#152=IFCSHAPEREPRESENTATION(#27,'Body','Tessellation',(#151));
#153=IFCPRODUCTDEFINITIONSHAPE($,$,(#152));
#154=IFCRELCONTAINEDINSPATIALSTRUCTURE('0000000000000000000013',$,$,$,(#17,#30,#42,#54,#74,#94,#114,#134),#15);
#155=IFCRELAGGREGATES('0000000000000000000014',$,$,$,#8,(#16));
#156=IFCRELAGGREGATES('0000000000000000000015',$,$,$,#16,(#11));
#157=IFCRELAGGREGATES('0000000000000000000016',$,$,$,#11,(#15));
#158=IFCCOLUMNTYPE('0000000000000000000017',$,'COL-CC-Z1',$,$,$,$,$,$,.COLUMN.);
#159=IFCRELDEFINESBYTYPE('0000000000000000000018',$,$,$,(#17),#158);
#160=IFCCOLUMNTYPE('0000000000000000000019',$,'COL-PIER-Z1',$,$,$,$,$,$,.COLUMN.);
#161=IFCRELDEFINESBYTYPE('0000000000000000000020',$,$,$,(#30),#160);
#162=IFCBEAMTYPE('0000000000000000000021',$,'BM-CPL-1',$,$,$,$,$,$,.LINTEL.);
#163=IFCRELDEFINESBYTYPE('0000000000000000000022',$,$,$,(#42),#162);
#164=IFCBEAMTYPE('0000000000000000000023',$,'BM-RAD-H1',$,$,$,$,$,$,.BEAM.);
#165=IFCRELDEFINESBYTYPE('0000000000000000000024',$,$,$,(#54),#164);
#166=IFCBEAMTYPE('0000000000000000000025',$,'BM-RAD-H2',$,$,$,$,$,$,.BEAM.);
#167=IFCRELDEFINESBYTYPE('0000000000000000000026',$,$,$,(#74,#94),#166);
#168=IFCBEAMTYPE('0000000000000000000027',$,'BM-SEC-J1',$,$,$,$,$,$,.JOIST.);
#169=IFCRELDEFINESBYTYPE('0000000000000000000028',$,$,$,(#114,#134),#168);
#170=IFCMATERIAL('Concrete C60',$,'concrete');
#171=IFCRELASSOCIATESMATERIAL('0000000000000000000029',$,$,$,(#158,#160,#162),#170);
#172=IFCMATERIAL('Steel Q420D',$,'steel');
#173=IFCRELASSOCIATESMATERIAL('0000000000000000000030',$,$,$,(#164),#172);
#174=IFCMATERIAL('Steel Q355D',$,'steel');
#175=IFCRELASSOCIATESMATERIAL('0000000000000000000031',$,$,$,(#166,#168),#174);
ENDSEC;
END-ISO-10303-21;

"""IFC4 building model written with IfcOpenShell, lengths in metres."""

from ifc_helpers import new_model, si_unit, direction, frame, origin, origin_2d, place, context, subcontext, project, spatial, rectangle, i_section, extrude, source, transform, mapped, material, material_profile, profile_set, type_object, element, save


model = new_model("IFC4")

++++

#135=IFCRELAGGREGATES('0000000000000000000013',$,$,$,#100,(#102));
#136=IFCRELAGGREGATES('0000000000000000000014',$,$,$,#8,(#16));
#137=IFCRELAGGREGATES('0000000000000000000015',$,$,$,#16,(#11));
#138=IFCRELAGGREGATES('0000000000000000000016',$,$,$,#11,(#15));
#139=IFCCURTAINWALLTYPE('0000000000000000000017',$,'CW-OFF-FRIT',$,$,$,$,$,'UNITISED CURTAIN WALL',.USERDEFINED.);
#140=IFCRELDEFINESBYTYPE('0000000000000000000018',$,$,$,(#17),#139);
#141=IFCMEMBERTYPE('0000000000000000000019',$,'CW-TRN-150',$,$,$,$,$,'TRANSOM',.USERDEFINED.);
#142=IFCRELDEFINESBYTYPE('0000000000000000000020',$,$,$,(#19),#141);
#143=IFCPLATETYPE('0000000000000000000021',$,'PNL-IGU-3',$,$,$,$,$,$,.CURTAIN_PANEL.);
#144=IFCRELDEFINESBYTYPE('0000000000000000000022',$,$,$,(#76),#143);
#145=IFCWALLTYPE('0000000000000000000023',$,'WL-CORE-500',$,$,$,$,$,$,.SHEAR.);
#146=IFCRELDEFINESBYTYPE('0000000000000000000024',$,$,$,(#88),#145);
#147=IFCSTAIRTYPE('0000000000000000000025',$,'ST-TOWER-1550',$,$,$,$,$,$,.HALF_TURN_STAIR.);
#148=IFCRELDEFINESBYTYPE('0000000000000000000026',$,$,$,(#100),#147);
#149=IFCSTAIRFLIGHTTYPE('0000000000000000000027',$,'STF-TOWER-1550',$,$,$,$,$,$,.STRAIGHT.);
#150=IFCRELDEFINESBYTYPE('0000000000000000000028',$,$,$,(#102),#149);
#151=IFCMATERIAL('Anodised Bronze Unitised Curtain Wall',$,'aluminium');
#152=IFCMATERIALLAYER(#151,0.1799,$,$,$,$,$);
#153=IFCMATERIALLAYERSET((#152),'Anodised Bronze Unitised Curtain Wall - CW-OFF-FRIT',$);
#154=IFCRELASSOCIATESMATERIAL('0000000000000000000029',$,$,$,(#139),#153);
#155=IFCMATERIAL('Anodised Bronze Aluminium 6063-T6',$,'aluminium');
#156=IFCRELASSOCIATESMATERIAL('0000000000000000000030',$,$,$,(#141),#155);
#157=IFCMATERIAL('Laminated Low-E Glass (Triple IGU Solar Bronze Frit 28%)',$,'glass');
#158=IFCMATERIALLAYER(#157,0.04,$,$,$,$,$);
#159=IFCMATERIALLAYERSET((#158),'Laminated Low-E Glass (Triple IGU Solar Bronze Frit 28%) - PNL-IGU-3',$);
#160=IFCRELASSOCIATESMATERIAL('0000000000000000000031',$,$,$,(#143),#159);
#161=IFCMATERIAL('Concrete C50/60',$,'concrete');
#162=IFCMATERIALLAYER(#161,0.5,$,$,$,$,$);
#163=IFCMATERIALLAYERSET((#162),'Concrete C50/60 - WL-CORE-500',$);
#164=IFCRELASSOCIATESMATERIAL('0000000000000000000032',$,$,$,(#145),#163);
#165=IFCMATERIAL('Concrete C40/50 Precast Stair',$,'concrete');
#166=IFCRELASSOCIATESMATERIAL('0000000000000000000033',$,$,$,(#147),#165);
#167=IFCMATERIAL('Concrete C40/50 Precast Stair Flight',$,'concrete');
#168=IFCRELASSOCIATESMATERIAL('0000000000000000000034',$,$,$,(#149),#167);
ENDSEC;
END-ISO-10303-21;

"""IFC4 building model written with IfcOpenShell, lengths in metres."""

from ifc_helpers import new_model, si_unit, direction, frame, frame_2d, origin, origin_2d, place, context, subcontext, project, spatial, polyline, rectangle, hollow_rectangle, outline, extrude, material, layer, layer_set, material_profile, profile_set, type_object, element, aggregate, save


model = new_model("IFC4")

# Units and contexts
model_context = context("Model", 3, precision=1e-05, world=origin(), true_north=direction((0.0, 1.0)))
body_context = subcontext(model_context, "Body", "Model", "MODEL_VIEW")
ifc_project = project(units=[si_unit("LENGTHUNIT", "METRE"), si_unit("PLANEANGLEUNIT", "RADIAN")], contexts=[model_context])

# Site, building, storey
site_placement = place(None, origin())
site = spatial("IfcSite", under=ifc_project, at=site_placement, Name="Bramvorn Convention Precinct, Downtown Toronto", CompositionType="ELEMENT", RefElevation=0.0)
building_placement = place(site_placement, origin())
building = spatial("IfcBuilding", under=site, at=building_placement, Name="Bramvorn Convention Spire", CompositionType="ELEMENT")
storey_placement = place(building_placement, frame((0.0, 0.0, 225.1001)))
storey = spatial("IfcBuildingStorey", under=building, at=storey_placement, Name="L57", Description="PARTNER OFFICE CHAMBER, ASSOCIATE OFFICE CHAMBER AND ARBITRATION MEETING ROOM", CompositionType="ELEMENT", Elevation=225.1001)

++++

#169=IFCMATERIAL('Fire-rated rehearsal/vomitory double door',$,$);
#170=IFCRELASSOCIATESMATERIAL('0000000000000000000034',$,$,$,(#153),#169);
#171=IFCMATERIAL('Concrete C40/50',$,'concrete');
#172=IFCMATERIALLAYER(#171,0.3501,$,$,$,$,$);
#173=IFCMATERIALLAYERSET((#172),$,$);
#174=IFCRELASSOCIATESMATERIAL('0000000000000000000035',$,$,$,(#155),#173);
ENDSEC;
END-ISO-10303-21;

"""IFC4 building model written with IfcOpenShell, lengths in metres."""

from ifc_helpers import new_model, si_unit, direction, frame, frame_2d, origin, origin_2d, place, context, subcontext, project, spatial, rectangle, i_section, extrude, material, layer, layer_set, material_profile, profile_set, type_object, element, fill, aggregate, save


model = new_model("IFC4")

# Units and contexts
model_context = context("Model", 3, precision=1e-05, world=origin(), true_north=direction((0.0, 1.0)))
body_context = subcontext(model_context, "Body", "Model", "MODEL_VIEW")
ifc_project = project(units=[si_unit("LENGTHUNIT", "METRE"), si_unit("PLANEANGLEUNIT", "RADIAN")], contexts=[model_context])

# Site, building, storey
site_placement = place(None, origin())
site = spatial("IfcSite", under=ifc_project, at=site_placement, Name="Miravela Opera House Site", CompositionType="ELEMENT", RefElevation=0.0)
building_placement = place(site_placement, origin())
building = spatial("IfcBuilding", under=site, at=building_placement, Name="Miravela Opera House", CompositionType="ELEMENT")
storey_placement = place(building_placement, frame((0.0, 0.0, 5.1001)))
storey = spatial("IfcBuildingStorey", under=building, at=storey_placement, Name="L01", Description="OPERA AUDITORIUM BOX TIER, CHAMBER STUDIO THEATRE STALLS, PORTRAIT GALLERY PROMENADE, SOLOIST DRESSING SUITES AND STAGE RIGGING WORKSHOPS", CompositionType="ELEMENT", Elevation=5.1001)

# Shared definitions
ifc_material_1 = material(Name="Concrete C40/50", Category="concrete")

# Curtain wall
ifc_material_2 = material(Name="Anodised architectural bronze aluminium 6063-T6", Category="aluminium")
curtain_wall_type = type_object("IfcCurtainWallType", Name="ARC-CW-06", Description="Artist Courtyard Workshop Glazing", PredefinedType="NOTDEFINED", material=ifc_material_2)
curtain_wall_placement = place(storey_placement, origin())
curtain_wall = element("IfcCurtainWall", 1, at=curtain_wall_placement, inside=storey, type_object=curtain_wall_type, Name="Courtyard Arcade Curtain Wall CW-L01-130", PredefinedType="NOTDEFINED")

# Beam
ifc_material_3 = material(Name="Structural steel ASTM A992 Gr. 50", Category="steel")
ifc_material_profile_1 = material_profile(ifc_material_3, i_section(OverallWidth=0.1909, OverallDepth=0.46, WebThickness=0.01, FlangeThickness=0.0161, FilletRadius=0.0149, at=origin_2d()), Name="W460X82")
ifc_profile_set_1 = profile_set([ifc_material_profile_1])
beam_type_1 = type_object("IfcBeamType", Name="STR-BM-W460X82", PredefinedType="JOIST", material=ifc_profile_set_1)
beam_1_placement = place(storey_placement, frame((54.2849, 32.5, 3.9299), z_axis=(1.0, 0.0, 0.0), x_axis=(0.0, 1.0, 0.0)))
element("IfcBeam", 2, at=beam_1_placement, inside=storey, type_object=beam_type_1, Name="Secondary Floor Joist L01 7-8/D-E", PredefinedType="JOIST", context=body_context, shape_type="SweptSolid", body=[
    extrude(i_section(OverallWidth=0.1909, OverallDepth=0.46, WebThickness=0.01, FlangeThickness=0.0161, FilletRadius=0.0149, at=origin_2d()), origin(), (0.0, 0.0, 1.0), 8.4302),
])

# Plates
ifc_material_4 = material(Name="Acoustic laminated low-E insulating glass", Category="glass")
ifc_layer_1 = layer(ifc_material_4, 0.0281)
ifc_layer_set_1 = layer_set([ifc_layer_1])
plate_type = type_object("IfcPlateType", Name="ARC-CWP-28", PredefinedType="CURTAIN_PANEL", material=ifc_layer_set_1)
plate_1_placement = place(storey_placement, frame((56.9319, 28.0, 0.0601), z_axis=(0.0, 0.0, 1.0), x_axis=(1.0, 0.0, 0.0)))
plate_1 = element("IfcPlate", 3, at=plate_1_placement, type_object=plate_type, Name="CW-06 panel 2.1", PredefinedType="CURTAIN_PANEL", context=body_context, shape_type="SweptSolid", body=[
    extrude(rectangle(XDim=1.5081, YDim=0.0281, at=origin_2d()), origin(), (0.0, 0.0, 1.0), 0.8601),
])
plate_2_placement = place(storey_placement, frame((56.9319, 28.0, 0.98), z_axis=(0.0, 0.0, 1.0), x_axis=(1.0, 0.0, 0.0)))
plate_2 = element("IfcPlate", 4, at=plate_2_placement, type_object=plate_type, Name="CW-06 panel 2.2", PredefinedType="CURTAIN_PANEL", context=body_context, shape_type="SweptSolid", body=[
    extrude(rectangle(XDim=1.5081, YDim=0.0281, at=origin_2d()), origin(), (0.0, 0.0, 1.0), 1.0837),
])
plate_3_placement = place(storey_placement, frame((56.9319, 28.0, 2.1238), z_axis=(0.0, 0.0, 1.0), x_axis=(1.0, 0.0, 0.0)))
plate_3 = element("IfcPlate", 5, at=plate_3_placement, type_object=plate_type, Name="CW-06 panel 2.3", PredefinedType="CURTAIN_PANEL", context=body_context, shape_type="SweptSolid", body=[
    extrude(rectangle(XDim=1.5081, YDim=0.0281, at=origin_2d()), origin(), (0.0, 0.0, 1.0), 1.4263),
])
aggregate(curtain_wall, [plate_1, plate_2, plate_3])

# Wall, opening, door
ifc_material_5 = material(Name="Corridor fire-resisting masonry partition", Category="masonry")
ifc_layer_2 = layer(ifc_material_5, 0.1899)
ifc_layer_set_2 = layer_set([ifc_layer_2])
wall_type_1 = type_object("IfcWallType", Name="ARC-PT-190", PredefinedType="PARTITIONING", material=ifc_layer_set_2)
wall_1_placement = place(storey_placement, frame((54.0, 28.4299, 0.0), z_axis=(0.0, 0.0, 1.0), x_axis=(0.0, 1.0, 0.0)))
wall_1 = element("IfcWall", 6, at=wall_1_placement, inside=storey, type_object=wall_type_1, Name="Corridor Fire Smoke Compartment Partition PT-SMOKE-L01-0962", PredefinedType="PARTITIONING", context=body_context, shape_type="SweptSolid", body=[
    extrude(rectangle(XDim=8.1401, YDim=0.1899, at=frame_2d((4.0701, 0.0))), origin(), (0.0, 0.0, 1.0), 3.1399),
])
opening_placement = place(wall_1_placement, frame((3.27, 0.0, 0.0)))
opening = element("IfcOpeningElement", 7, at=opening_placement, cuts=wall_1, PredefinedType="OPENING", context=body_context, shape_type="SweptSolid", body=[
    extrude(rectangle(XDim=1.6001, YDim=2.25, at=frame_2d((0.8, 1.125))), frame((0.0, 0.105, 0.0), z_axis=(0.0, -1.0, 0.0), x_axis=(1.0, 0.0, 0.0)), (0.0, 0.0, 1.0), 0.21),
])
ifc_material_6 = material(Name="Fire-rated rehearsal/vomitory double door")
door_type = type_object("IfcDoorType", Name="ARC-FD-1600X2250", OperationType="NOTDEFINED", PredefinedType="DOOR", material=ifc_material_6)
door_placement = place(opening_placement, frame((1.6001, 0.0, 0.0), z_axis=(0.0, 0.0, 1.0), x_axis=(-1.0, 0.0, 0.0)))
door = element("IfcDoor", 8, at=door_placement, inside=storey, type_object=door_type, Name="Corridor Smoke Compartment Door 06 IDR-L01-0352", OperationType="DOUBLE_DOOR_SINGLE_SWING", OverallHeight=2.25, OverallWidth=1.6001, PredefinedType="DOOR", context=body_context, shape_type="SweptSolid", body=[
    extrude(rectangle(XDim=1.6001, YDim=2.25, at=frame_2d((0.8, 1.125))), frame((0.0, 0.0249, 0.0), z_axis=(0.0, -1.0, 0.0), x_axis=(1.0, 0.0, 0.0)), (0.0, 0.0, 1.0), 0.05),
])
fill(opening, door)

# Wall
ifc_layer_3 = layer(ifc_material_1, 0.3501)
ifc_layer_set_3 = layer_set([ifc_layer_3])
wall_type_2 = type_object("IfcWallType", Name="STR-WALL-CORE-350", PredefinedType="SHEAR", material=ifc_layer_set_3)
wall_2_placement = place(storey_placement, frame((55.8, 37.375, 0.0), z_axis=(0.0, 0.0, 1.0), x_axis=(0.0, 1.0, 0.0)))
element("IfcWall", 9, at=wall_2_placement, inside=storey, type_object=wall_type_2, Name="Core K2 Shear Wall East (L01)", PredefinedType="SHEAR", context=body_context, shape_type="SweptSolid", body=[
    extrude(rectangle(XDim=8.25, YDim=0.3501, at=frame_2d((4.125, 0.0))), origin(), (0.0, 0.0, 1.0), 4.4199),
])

++++

§ **TASK TO CARRY OUT**:
Retype only the stretch of lines above starting at the one with "#152=IFCSHAPEREPRESENTATION(#27,'Body','Tessellation',(#151));" and stopping at the one with "#155=IFCRELAGGREGATES('0000000000000000000014',$,$,$,#8,(#16));", exactly as written, with both kept.

§ **TASK OUTPUT**:
#152=IFCSHAPEREPRESENTATION(#27,'Body','Tessellation',(#151));
#153=IFCPRODUCTDEFINITIONSHAPE($,$,(#152));
#154=IFCRELCONTAINEDINSPATIALSTRUCTURE('0000000000000000000013',$,$,$,(#17,#30,#42,#54,#74,#94,#114,#134),#15);
#155=IFCRELAGGREGATES('0000000000000000000014',$,$,$,#8,(#16));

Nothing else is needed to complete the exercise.